Data to process below:
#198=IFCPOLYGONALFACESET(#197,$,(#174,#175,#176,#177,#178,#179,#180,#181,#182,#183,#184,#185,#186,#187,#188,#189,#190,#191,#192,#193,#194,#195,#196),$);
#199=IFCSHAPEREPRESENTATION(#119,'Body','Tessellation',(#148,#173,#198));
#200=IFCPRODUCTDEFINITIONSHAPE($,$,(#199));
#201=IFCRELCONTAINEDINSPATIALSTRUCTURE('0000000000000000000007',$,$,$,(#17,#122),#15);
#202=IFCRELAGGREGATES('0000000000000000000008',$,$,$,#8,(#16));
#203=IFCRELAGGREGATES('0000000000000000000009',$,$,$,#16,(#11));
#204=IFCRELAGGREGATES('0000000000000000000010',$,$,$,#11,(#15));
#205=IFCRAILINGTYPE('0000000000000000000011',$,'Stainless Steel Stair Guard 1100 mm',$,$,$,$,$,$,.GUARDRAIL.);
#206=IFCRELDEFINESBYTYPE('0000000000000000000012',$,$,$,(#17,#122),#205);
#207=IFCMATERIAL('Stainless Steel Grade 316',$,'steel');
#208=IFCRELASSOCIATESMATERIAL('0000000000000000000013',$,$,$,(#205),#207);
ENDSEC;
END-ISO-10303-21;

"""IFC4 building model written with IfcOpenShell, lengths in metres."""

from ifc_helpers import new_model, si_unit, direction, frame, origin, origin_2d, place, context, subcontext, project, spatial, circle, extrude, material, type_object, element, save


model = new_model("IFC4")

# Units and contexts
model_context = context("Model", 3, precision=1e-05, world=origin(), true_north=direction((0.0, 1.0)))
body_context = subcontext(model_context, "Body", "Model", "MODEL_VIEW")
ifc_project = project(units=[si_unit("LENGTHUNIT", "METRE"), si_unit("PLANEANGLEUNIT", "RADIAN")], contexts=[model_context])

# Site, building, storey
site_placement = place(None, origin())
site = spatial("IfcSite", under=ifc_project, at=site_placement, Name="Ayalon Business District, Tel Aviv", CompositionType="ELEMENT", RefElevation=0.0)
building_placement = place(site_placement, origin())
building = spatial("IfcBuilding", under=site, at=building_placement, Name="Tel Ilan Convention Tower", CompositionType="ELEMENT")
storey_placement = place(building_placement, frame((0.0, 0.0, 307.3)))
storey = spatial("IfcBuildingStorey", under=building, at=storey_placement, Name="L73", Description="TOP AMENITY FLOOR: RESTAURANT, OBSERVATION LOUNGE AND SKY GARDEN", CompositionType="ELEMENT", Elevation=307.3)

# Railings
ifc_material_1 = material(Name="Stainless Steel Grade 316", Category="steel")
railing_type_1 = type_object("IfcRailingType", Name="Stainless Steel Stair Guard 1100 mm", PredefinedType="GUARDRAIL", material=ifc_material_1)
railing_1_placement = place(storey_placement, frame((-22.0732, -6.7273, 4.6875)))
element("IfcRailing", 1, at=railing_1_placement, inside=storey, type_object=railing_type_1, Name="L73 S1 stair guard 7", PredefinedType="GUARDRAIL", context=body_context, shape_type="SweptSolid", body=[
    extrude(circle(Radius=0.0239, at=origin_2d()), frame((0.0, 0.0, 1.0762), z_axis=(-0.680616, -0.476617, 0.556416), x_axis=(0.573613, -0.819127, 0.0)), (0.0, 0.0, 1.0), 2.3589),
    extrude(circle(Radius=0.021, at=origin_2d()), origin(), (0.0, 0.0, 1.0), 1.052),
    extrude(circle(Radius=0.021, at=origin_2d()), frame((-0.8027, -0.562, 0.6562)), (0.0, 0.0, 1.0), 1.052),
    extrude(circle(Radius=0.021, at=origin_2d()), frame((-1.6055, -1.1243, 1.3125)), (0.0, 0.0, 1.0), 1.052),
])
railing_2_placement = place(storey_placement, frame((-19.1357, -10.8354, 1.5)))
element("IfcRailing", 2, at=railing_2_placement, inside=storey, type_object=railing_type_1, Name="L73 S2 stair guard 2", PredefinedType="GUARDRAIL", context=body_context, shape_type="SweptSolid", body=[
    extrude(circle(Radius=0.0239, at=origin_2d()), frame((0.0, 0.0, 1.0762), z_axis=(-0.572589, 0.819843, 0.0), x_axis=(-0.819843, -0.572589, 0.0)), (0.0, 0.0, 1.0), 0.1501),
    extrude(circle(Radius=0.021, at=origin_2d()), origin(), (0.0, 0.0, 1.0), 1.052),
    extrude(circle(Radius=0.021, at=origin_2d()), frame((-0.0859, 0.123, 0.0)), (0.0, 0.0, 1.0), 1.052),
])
End of Data to process.
> **Exercise description**: All lines above from the one with "site_placement = place(None, origin())" to the one with "S1 stair guard", inclusive, should be copied exactly, and no other lines.

> **Response for this exercise**:
site_placement = place(None, origin())
site = spatial("IfcSite", under=ifc_project, at=site_placement, Name="Ayalon Business District, Tel Aviv", CompositionType="ELEMENT", RefElevation=0.0)
building_placement = place(site_placement, origin())
building = spatial("IfcBuilding", under=site, at=building_placement, Name="Tel Ilan Convention Tower", CompositionType="ELEMENT")
storey_placement = place(building_placement, frame((0.0, 0.0, 307.3)))
storey = spatial("IfcBuildingStorey", under=building, at=storey_placement, Name="L73", Description="TOP AMENITY FLOOR: RESTAURANT, OBSERVATION LOUNGE AND SKY GARDEN", CompositionType="ELEMENT", Elevation=307.3)

# Railings
ifc_material_1 = material(Name="Stainless Steel Grade 316", Category="steel")
railing_type_1 = type_object("IfcRailingType", Name="Stainless Steel Stair Guard 1100 mm", PredefinedType="GUARDRAIL", material=ifc_material_1)
railing_1_placement = place(storey_placement, frame((-22.0732, -6.7273, 4.6875)))
element("IfcRailing", 1, at=railing_1_placement, inside=storey, type_object=railing_type_1, Name="L73 S1 stair guard 7", PredefinedType="GUARDRAIL", context=body_context, shape_type="SweptSolid", body=[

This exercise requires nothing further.